Collected data entries:
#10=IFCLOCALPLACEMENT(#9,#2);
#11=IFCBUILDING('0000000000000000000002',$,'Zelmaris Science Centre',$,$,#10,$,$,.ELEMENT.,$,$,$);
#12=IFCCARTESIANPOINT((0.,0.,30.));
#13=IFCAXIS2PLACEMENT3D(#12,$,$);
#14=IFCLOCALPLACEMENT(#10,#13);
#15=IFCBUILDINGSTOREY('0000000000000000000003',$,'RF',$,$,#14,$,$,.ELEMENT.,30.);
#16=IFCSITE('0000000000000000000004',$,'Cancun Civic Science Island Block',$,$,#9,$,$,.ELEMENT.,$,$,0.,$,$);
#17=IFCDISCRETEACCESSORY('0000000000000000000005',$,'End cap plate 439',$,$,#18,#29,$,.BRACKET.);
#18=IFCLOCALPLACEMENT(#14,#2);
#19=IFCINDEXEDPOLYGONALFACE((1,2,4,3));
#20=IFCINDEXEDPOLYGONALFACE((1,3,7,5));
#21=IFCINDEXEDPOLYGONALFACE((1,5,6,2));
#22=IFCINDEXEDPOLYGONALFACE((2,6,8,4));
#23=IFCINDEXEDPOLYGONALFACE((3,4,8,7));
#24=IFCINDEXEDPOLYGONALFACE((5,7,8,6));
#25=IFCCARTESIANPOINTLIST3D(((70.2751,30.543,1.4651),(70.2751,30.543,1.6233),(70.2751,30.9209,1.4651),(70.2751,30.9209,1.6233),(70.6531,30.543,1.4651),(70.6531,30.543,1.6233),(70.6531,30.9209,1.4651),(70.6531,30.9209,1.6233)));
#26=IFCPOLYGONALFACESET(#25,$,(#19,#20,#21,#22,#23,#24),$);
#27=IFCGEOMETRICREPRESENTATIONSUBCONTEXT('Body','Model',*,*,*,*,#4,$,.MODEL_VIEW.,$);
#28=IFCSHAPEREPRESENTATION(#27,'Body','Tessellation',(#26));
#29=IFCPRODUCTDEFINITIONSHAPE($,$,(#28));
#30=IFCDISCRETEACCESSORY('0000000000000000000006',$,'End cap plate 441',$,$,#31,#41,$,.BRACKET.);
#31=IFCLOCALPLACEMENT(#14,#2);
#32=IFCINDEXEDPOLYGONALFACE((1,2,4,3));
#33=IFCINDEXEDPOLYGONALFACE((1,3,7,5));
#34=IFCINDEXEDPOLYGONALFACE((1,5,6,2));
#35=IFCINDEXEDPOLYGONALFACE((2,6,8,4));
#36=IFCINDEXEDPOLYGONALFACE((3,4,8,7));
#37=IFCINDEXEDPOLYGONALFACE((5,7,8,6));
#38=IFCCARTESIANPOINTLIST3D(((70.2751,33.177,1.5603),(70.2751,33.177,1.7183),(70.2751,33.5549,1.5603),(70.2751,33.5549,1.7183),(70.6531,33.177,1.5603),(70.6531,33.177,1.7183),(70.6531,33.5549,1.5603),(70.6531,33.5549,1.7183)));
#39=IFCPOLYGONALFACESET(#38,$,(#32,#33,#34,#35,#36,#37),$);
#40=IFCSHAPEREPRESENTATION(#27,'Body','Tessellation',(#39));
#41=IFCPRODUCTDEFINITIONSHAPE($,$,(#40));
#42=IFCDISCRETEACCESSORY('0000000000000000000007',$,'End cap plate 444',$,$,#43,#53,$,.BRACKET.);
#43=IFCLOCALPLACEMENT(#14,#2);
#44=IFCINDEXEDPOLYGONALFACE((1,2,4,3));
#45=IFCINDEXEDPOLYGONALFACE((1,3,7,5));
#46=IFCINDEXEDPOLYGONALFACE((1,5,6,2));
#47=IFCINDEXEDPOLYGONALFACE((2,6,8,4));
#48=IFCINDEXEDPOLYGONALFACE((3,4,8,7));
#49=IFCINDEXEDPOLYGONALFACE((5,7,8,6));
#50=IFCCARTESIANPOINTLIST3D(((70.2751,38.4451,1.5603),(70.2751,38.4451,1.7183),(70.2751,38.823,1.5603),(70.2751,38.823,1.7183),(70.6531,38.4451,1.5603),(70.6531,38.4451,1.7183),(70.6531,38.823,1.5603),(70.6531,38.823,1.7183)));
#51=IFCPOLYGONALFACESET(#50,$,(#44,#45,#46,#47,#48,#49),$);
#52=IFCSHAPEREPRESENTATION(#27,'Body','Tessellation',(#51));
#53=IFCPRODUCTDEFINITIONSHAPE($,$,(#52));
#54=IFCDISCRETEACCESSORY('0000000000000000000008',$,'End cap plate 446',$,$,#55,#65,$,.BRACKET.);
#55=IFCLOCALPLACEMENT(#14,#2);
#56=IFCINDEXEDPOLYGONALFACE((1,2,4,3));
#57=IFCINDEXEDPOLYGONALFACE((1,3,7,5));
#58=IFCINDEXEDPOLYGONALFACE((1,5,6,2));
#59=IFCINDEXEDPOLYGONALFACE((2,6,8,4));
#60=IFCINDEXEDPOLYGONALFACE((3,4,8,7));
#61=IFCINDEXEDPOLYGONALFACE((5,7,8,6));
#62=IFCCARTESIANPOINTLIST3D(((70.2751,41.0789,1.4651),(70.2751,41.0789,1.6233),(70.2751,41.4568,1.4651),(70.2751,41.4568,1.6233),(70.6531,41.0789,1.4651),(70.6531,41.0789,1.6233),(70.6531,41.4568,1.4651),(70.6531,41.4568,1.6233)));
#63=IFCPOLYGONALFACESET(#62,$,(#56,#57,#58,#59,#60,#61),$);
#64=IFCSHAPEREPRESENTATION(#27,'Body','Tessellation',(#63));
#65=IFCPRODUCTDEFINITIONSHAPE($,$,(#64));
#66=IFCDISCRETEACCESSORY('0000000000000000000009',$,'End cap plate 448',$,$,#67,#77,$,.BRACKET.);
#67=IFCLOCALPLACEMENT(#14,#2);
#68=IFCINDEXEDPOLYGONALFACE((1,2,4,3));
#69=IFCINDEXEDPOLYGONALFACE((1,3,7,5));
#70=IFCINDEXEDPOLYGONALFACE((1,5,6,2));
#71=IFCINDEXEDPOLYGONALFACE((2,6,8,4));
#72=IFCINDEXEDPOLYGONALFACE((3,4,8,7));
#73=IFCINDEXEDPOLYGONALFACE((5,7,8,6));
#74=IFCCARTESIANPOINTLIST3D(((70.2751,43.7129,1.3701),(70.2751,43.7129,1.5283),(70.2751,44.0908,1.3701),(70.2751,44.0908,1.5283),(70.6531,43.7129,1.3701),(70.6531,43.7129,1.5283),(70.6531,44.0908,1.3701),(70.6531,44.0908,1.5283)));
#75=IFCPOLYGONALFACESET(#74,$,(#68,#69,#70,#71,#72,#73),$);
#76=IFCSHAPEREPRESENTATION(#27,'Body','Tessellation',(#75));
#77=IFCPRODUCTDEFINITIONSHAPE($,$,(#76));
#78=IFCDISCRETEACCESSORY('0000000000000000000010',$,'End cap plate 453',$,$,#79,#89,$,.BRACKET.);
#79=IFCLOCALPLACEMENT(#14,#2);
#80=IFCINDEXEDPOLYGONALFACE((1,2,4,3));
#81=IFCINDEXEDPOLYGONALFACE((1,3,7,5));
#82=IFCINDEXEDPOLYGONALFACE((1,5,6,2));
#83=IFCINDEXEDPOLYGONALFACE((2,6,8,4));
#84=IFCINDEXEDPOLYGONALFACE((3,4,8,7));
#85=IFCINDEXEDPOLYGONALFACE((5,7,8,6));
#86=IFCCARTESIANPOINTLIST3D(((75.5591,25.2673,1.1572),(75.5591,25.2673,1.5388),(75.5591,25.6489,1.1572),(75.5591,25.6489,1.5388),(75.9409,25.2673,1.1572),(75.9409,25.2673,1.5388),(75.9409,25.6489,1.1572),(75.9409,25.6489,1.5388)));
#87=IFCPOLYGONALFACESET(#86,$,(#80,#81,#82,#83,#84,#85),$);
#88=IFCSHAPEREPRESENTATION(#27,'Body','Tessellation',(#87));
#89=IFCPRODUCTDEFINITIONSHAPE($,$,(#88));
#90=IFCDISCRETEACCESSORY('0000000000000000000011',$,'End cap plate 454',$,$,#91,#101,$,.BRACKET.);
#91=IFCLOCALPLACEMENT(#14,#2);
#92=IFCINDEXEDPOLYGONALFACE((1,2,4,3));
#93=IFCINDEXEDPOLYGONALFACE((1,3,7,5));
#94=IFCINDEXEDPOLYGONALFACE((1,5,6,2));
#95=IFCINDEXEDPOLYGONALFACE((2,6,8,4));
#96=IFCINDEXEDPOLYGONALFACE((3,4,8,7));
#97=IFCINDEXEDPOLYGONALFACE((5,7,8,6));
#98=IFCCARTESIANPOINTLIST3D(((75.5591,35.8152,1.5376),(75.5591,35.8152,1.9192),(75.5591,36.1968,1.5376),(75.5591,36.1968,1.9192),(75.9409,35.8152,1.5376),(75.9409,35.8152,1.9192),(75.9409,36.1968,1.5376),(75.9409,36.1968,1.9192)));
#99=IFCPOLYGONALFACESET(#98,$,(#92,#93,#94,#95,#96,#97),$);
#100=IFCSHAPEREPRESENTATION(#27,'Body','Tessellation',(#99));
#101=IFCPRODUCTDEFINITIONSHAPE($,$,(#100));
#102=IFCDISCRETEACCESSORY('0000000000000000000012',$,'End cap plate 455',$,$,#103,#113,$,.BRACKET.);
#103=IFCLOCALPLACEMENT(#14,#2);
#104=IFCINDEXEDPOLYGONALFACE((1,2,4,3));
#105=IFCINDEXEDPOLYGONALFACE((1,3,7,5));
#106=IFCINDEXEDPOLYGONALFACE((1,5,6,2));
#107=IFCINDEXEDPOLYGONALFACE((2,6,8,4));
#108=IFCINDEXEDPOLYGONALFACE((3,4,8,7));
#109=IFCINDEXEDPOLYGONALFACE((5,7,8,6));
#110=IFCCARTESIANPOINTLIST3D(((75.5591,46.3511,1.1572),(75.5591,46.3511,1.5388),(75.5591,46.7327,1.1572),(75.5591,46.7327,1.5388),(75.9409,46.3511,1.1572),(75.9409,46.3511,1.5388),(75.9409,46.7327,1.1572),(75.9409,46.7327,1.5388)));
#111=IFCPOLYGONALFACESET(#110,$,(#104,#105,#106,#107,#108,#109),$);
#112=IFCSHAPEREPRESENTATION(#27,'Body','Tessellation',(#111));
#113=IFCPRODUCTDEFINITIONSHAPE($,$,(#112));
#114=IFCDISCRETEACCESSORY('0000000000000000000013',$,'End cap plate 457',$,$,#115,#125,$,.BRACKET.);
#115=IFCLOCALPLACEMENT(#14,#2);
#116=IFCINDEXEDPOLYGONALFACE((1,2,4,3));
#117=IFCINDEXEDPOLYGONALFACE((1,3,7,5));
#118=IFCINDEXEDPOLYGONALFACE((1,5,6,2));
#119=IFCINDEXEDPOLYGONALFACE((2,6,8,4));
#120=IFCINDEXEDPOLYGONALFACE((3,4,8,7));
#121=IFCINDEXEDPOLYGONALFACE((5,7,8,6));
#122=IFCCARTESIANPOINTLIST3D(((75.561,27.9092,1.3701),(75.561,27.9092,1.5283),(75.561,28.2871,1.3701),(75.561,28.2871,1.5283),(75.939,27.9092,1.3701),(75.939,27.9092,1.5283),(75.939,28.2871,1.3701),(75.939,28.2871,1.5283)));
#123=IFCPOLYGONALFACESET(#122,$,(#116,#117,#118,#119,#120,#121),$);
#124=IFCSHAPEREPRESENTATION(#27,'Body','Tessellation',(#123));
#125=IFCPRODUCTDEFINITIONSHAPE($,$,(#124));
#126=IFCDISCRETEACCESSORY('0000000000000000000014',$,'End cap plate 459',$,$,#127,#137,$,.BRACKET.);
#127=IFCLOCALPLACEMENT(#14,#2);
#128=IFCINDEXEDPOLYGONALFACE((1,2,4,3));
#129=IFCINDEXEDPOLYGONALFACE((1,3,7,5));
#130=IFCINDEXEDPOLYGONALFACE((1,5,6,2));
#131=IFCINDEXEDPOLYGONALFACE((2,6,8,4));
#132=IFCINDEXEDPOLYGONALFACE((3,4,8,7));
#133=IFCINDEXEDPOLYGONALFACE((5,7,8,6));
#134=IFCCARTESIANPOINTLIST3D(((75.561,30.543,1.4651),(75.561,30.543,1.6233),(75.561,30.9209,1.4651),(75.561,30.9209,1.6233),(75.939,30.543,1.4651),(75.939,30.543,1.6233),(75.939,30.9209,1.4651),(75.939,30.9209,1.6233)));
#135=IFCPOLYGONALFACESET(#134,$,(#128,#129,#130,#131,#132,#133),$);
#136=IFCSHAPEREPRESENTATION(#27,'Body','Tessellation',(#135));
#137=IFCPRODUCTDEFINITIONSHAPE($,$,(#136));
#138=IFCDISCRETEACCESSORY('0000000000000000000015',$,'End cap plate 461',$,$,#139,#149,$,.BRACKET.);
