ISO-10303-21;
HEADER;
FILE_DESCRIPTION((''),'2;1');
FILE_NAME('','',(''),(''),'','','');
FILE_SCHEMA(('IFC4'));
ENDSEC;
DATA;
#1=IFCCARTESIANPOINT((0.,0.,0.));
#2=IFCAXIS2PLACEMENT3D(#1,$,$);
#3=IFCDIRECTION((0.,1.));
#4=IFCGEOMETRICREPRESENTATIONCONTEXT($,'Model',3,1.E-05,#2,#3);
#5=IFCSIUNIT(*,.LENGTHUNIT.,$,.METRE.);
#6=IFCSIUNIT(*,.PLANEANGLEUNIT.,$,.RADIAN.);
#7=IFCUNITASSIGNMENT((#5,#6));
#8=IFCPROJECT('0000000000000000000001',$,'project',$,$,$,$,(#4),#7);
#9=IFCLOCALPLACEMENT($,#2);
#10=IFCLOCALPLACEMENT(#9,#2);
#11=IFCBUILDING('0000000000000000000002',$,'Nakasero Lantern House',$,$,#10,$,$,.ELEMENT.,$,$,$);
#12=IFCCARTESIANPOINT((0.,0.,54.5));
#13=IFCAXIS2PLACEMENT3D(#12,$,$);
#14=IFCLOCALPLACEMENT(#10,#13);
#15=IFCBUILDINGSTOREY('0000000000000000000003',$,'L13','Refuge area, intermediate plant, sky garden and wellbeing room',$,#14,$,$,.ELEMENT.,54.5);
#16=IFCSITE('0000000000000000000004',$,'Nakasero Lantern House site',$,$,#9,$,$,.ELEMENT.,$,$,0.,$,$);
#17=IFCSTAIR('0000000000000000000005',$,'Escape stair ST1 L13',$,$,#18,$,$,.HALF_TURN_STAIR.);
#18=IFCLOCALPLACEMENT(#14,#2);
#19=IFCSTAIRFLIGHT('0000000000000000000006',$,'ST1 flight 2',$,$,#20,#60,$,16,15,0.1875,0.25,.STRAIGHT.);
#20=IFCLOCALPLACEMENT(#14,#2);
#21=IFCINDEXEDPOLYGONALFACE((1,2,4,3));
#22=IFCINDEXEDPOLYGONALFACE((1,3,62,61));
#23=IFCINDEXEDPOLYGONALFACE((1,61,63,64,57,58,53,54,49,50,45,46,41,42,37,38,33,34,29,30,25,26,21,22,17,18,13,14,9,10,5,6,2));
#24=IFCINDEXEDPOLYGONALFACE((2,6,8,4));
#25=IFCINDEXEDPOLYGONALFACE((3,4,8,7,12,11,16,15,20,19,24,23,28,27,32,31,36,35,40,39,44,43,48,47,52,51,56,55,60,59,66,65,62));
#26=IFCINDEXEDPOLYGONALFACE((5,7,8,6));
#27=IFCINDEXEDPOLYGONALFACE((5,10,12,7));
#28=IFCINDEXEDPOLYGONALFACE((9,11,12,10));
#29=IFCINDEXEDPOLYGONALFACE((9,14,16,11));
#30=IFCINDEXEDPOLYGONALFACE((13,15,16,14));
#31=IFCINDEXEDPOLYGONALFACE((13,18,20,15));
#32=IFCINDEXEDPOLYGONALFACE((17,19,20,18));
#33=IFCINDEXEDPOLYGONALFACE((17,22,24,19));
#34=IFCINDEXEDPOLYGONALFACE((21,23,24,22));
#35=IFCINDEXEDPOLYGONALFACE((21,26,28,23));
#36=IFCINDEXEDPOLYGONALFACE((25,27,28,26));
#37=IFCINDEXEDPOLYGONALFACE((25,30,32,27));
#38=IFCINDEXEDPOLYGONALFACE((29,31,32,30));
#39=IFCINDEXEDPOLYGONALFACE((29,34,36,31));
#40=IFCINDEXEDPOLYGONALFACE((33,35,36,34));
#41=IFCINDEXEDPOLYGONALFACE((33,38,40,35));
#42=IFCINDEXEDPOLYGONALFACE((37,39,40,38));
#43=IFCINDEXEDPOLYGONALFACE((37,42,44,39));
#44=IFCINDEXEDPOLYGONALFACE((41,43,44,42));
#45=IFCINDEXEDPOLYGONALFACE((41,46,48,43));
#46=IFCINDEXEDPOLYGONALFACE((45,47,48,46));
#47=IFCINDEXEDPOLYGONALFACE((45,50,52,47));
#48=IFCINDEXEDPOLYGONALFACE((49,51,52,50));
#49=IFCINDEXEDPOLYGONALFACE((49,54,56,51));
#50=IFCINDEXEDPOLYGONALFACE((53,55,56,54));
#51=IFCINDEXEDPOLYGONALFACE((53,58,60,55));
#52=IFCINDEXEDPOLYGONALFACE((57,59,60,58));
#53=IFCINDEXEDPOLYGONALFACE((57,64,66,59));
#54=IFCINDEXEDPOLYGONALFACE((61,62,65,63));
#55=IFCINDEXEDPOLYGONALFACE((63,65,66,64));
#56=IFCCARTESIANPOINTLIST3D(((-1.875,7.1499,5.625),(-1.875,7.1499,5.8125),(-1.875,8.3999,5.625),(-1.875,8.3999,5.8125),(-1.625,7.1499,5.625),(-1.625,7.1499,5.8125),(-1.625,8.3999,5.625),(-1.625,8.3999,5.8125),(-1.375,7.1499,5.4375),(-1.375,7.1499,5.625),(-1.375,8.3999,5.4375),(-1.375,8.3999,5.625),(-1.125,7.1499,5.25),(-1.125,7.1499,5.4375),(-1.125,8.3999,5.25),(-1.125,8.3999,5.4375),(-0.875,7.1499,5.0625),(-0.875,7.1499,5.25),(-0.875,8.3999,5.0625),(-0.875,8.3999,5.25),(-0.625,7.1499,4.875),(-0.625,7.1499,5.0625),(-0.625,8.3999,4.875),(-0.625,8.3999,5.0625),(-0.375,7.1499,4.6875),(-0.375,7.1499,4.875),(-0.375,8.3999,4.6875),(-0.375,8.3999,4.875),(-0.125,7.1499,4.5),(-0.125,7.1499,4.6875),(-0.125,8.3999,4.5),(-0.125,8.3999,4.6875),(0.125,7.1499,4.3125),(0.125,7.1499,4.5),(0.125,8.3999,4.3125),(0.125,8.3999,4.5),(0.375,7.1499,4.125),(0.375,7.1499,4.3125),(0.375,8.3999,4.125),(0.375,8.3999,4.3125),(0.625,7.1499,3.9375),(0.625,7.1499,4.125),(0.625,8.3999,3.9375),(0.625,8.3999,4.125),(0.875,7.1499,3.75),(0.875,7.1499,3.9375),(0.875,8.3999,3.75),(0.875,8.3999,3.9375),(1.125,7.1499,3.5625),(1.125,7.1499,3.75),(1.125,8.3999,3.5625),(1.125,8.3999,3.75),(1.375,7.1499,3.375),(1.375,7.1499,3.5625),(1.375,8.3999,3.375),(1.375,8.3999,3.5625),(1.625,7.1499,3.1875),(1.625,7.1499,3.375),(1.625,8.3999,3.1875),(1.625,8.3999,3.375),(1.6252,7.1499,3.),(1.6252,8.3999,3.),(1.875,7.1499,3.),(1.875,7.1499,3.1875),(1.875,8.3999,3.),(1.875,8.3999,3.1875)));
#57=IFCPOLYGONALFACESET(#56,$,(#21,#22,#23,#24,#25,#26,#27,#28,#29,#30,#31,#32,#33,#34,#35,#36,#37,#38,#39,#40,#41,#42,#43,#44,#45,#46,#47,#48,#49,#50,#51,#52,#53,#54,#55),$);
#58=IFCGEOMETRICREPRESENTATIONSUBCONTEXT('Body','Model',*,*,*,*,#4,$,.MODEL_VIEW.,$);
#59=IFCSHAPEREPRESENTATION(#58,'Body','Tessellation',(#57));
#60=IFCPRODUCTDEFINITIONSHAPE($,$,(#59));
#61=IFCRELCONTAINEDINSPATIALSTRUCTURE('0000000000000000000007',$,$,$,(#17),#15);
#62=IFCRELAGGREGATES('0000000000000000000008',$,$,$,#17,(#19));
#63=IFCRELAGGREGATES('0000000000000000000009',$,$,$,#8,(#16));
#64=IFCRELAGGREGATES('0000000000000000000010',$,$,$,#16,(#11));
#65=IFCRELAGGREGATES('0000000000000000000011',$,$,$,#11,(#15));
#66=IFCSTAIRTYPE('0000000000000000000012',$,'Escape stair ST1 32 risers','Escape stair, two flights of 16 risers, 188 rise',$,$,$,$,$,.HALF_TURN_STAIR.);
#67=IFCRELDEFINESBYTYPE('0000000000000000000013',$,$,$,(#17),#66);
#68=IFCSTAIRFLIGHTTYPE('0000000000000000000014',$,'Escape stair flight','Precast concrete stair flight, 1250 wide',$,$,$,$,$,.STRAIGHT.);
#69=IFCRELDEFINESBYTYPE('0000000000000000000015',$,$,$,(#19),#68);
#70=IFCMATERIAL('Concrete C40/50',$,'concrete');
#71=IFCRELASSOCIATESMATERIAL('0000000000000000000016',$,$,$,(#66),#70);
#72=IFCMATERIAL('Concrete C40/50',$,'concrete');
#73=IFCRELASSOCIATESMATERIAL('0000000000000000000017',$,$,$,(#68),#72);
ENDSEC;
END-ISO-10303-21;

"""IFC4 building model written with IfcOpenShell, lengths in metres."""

from ifc_helpers import new_model, si_unit, direction, frame, origin, place, context, subcontext, project, spatial, polyline, outline, extrude, material, type_object, element, aggregate, save


model = new_model("IFC4")

# Units and contexts
model_context = context("Model", 3, precision=1e-05, world=origin(), true_north=direction((0.0, 1.0)))
body_context = subcontext(model_context, "Body", "Model", "MODEL_VIEW")
ifc_project = project(units=[si_unit("LENGTHUNIT", "METRE"), si_unit("PLANEANGLEUNIT", "RADIAN")], contexts=[model_context])

# Site, building, storey
site_placement = place(None, origin())
site = spatial("IfcSite", under=ifc_project, at=site_placement, Name="Nakasero Lantern House site", CompositionType="ELEMENT", RefElevation=0.0)
building_placement = place(site_placement, origin())
building = spatial("IfcBuilding", under=site, at=building_placement, Name="Nakasero Lantern House", CompositionType="ELEMENT")
storey_placement = place(building_placement, frame((0.0, 0.0, 54.5)))
storey = spatial("IfcBuildingStorey", under=building, at=storey_placement, Name="L13", Description="Refuge area, intermediate plant, sky garden and wellbeing room", CompositionType="ELEMENT", Elevation=54.5)

# Stair
ifc_material_1 = material(Name="Concrete C40/50", Category="concrete")
stair_type_1 = type_object("IfcStairType", Name="Escape stair ST1 32 risers", Description="Escape stair, two flights of 16 risers, 188 rise", PredefinedType="HALF_TURN_STAIR", material=ifc_material_1)
stair_1_placement = place(storey_placement, origin())
stair_1 = element("IfcStair", 1, at=stair_1_placement, inside=storey, type_object=stair_type_1, Name="Escape stair ST1 L13", PredefinedType="HALF_TURN_STAIR")

# Stair flight
ifc_material_2 = material(Name="Concrete C40/50", Category="concrete")
stair_flight_type = type_object("IfcStairFlightType", Name="Escape stair flight", Description="Precast concrete stair flight, 1250 wide", PredefinedType="STRAIGHT", material=ifc_material_2)
stair_flight_placement = place(storey_placement, frame((1.875, 7.7749, 3.0), z_axis=(0.0, 0.0, 1.0), x_axis=(-1.0, 0.0, 0.0)))
stair_flight = element("IfcStairFlight", 2, at=stair_flight_placement, type_object=stair_flight_type, Name="ST1 flight 2", NumberOfRisers=16, NumberOfTreads=15, PredefinedType="STRAIGHT", RiserHeight=0.1875, TreadLength=0.25, context=body_context, shape_type="SweptSolid", body=[
    extrude(outline(polyline([(0.0, 0.0), (0.0, 0.1875), (0.25, 0.1875), (0.25, 0.375), (0.5, 0.375), (0.5, 0.5625), (0.75, 0.5625), (0.75, 0.75), (1.0, 0.75), (1.0, 0.9375), (1.25, 0.9375), (1.25, 1.125), (1.5, 1.125), (1.5, 1.3125), (1.75, 1.3125), (1.75, 1.5), (2.0, 1.5), (2.0, 1.6875), (2.25, 1.6875), (2.25, 1.875), (2.5, 1.875), (2.5, 2.0625), (2.75, 2.0625), (2.75, 2.25), (3.0, 2.25), (3.0, 2.4375), (3.25, 2.4375), (3.25, 2.625), (3.5, 2.625), (3.5, 2.8125), (3.75, 2.8125), (3.75, 3.0), (3.75, 2.625), (0.2498, 0.0), (0.0, 0.0)])), frame((0.0, 0.625, 0.0), z_axis=(0.0, -1.0, 0.0), x_axis=(1.0, 0.0, 0.0)), (0.0, 0.0, 1.0), 1.25),
])
aggregate(stair_1, [stair_flight])

save(model, "model.ifc")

* **PROBLEM DETAILS**:
Beginning at the line above with "#65=IFCPRODUCTDEFINITIONSHAPE($,$,(#64));" and finishing at the line with "#73=IFCINDEXEDPOLYGONALFACE((5,7,8,6));", return each line exactly and return nothing else.

* **YOUR SOLUTION**:
#65=IFCPRODUCTDEFINITIONSHAPE($,$,(#64));
#66=IFCDISCRETEACCESSORY('0000000000000000000009',$,'End cap plate 448',$,$,#67,#77,$,.BRACKET.);
#67=IFCLOCALPLACEMENT(#14,#2);
#68=IFCINDEXEDPOLYGONALFACE((1,2,4,3));
#69=IFCINDEXEDPOLYGONALFACE((1,3,7,5));
#70=IFCINDEXEDPOLYGONALFACE((1,5,6,2));
#71=IFCINDEXEDPOLYGONALFACE((2,6,8,4));
#72=IFCINDEXEDPOLYGONALFACE((3,4,8,7));
#73=IFCINDEXEDPOLYGONALFACE((5,7,8,6));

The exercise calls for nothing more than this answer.